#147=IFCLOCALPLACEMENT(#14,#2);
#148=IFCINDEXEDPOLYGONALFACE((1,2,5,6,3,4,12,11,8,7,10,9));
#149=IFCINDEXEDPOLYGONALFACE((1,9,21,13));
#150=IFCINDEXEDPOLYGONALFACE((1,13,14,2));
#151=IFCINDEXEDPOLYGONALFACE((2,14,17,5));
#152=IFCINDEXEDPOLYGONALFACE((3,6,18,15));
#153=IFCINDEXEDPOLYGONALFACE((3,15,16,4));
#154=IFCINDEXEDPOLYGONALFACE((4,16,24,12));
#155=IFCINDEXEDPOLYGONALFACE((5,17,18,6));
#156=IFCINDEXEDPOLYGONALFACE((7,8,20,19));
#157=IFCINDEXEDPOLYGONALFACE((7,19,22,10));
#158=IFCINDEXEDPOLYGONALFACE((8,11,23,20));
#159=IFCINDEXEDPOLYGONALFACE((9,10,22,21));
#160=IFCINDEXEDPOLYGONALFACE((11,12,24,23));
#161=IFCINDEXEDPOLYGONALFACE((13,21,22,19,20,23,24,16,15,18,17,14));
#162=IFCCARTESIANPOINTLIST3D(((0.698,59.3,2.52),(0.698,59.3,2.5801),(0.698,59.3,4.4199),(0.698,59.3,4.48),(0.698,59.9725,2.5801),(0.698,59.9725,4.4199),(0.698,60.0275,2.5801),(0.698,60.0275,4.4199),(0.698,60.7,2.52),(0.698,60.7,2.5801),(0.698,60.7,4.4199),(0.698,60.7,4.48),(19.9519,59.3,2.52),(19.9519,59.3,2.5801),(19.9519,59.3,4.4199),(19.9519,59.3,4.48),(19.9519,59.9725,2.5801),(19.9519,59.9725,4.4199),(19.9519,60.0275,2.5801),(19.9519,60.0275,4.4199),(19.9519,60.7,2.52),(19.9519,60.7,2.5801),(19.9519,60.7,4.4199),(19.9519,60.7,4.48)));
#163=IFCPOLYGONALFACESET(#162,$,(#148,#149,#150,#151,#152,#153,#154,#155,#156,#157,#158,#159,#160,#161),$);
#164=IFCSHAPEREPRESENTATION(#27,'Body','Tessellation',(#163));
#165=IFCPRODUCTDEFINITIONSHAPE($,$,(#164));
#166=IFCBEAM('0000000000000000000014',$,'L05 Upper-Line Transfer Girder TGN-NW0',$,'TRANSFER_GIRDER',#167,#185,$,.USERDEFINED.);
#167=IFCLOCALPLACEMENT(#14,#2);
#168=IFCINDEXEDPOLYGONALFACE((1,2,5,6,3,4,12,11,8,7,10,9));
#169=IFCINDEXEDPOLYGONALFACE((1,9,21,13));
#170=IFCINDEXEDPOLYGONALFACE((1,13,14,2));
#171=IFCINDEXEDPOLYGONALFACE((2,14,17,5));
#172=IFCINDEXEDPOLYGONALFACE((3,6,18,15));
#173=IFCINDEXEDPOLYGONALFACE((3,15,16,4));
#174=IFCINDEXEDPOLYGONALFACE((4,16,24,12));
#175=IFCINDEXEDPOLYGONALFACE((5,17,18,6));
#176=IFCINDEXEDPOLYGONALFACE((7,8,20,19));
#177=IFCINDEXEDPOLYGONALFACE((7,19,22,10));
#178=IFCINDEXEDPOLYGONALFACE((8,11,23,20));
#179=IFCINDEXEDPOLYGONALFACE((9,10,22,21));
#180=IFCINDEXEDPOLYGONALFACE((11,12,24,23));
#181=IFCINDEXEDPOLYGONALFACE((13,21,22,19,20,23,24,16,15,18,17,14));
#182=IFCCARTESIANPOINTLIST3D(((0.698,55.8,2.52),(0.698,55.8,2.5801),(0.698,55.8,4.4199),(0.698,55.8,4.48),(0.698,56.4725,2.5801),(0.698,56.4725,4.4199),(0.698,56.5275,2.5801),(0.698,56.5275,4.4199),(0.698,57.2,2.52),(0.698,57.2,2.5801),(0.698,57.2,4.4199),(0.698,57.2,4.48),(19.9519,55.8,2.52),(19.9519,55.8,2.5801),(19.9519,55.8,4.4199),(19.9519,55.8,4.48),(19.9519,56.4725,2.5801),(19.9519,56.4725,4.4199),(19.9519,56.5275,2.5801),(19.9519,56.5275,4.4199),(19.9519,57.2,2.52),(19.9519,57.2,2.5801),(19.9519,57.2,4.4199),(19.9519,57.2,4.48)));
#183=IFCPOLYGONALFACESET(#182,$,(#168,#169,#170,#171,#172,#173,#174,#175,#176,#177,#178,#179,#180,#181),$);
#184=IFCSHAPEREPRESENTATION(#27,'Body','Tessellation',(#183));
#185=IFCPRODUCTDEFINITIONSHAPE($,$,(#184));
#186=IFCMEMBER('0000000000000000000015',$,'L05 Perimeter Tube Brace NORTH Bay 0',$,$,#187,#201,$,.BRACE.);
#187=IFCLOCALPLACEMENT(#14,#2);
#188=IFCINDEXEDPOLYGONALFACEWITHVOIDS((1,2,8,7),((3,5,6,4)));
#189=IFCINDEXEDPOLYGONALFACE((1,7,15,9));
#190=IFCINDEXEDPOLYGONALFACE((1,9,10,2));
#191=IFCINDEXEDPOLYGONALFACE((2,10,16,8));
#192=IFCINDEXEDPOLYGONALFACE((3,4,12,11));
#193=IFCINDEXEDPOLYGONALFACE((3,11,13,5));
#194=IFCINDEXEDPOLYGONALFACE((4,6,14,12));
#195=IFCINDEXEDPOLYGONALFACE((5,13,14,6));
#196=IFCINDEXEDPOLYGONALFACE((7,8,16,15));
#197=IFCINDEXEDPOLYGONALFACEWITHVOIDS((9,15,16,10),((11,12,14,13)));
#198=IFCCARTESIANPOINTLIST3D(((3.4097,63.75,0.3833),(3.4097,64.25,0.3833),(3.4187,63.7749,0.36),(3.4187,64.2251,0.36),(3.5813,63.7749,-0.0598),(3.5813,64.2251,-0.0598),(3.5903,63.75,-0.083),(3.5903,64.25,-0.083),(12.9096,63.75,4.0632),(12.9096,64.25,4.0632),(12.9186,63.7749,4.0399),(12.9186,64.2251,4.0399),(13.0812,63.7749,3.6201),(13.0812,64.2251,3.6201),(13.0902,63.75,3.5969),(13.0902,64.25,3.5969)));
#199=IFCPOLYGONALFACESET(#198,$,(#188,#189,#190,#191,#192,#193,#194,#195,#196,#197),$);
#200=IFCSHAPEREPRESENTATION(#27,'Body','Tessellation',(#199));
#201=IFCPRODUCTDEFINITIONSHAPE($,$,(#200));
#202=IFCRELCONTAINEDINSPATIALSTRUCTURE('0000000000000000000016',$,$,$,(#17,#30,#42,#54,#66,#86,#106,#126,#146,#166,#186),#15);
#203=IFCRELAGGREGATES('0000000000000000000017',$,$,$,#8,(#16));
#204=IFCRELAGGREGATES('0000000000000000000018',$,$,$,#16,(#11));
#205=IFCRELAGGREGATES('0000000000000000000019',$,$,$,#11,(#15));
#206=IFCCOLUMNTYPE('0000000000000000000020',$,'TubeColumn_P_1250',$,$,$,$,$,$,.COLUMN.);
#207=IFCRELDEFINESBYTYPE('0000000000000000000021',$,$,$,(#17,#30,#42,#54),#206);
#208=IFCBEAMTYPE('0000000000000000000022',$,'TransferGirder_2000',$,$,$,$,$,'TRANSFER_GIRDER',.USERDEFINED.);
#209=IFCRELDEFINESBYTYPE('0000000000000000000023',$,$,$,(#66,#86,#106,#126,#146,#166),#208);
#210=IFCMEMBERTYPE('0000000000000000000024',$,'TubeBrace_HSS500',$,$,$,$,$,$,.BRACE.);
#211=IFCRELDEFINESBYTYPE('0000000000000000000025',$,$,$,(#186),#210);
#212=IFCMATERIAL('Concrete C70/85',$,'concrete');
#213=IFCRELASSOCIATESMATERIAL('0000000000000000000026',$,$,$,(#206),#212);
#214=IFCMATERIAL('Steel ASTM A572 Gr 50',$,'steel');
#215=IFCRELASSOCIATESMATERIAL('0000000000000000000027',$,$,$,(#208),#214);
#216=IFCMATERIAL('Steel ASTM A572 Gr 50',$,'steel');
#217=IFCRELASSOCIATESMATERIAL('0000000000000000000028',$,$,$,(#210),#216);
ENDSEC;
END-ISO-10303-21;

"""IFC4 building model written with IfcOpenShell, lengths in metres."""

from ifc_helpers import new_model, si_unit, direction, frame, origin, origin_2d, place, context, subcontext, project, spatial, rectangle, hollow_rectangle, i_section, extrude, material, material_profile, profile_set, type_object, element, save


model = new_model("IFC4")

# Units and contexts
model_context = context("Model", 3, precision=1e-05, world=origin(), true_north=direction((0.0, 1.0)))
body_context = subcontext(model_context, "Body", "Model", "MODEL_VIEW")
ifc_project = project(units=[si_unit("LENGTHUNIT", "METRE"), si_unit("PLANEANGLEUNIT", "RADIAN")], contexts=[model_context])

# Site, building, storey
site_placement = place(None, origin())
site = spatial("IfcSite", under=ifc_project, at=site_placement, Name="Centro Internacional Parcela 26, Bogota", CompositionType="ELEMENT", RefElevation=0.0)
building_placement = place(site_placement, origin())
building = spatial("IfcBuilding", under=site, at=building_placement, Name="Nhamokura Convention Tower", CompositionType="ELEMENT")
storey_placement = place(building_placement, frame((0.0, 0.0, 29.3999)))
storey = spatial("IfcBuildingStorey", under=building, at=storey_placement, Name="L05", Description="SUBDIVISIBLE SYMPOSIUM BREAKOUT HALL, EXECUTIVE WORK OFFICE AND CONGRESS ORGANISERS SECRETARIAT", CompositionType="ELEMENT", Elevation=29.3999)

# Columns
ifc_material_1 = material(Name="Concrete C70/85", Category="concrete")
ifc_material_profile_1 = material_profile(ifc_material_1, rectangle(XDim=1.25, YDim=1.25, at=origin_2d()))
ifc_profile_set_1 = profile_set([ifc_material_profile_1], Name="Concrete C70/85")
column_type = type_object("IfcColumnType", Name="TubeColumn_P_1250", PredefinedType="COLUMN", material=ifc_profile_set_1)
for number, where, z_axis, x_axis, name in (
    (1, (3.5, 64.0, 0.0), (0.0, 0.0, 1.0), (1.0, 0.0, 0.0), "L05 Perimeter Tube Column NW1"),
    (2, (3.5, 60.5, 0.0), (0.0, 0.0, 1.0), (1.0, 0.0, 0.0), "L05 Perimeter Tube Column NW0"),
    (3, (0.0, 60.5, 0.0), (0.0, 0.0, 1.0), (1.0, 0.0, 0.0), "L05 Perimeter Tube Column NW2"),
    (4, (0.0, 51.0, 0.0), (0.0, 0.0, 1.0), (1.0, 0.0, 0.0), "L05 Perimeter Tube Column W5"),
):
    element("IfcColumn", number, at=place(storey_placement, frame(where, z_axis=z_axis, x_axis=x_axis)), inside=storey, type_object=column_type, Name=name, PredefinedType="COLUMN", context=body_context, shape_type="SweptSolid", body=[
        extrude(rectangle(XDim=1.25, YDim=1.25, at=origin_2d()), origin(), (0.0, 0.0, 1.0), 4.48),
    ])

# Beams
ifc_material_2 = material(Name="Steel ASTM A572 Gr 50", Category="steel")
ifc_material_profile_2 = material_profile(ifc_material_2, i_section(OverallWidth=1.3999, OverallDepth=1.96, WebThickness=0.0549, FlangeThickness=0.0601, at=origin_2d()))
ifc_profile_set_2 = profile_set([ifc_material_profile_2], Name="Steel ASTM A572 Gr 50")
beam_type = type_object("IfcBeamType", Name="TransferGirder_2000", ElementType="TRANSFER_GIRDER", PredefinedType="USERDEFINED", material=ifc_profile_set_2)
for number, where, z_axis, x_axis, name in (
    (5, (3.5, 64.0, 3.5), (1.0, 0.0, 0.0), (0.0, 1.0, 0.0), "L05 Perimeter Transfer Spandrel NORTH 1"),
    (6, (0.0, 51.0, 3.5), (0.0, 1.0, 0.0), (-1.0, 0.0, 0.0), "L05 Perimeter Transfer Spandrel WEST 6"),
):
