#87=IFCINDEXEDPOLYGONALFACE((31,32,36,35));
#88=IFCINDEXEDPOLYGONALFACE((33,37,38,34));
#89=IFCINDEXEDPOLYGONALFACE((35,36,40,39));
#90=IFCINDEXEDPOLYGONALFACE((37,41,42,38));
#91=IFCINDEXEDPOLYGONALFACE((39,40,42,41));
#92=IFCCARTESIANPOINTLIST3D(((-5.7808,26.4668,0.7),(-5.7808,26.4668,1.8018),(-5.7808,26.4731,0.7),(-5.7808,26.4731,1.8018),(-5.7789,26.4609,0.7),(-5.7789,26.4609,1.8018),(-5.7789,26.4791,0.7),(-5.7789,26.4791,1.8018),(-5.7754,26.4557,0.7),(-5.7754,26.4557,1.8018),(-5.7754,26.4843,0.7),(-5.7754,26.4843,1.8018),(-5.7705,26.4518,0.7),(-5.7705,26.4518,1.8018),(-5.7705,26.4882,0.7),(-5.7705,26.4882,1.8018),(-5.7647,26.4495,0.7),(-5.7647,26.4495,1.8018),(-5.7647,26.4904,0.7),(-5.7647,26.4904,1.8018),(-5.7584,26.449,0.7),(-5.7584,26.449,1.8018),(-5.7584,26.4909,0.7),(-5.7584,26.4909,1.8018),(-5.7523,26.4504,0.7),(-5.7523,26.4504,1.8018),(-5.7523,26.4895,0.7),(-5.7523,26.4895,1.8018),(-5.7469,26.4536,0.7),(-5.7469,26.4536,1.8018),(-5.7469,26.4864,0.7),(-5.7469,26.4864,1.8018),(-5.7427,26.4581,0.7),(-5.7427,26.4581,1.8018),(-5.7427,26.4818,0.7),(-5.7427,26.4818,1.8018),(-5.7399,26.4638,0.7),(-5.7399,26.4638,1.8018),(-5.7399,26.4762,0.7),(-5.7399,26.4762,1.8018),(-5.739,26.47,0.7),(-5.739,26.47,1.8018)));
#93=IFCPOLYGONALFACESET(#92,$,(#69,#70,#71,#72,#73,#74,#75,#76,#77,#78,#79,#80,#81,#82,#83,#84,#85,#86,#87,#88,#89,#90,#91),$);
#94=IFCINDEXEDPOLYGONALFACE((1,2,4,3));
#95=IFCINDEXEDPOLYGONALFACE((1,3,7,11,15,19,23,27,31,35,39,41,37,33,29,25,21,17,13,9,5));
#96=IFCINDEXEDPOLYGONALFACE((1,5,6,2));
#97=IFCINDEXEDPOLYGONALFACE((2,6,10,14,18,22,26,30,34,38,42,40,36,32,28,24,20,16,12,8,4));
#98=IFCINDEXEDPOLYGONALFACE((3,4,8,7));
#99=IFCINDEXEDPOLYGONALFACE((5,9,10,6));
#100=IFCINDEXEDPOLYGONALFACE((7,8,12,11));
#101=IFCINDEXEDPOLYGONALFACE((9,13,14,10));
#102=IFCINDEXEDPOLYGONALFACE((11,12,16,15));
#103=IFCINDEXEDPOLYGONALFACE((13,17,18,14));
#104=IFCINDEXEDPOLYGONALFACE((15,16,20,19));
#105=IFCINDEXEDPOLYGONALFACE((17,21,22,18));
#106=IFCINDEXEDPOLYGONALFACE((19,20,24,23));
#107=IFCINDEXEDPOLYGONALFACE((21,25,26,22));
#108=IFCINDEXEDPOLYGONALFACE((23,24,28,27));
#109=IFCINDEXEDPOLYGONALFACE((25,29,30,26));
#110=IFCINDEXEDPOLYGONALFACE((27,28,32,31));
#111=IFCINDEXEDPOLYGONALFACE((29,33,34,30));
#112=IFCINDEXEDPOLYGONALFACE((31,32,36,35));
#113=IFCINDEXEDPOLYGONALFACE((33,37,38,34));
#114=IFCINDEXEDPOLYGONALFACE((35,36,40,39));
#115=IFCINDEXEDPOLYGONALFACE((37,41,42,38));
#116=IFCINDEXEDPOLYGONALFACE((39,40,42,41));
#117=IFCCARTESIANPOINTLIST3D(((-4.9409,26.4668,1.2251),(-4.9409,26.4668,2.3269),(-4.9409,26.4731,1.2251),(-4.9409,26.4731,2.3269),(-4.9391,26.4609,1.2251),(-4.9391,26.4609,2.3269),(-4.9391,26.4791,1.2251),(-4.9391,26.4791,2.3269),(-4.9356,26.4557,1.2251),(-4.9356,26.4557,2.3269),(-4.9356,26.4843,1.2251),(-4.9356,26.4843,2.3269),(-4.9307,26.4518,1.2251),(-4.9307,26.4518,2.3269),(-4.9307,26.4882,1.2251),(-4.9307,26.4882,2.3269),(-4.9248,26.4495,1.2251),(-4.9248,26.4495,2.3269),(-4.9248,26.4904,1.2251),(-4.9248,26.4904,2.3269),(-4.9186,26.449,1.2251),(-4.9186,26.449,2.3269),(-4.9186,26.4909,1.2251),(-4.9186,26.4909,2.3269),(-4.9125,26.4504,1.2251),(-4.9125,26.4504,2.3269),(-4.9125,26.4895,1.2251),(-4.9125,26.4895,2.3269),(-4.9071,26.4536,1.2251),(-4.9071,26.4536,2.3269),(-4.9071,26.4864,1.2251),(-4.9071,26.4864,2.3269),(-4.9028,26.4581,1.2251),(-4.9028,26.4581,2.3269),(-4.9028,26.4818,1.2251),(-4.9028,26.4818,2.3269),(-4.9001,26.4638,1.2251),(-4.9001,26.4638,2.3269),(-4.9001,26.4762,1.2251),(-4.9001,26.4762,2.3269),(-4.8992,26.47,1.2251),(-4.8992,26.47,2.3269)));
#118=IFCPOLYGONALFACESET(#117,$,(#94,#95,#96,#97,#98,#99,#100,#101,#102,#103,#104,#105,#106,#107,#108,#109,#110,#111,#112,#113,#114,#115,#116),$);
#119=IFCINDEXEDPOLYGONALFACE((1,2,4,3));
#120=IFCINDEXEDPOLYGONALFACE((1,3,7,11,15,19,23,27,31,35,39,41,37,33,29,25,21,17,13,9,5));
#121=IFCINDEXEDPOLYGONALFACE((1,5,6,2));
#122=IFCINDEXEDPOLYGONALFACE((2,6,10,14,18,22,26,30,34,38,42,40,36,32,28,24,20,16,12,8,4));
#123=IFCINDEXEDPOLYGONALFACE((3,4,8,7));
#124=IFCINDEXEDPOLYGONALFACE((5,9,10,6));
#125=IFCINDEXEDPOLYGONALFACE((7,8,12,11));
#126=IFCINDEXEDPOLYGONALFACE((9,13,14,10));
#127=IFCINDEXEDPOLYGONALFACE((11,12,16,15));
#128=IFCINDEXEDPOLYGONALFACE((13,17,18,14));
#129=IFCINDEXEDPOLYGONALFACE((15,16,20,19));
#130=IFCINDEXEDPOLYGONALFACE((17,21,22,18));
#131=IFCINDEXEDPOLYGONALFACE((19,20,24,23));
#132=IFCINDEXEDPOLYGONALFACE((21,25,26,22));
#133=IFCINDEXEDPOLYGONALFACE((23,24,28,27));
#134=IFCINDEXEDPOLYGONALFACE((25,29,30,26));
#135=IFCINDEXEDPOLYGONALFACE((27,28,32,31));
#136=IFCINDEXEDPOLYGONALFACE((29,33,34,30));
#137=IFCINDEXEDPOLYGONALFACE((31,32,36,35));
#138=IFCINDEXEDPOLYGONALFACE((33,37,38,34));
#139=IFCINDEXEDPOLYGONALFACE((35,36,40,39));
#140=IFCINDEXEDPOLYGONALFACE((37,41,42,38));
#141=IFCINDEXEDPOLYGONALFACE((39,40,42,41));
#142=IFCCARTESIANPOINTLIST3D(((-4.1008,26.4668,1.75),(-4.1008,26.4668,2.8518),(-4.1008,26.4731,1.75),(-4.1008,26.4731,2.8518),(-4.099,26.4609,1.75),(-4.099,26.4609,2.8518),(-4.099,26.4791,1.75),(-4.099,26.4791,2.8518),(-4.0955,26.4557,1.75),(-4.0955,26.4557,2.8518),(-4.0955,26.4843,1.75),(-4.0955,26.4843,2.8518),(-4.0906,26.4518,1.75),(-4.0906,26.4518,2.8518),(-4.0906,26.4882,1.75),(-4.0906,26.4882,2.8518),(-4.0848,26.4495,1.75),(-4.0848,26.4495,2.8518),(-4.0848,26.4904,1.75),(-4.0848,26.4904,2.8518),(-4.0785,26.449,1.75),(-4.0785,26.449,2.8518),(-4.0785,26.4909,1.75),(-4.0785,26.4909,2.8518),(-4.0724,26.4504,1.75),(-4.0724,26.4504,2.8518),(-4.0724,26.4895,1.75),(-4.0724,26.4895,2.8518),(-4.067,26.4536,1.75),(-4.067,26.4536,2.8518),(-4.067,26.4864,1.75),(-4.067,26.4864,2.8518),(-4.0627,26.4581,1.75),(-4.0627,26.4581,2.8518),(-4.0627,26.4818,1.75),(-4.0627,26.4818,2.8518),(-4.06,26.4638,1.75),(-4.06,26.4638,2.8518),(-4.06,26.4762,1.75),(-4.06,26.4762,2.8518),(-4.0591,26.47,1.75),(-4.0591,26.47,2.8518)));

******

What you are asked to do — Bring together each line above where the string "PredefinedType" turns up.

Answer to this problem —
column_type = type_object("IfcColumnType", Name="TubeColumn_P_1250", PredefinedType="COLUMN", material=ifc_profile_set_1)
    element("IfcColumn", number, at=place(storey_placement, frame(where, z_axis=z_axis, x_axis=x_axis)), inside=storey, type_object=column_type, Name=name, PredefinedType="COLUMN", context=body_context, shape_type="SweptSolid", body=[
beam_type = type_object("IfcBeamType", Name="TransferGirder_2000", ElementType="TRANSFER_GIRDER", PredefinedType="USERDEFINED", material=ifc_profile_set_2)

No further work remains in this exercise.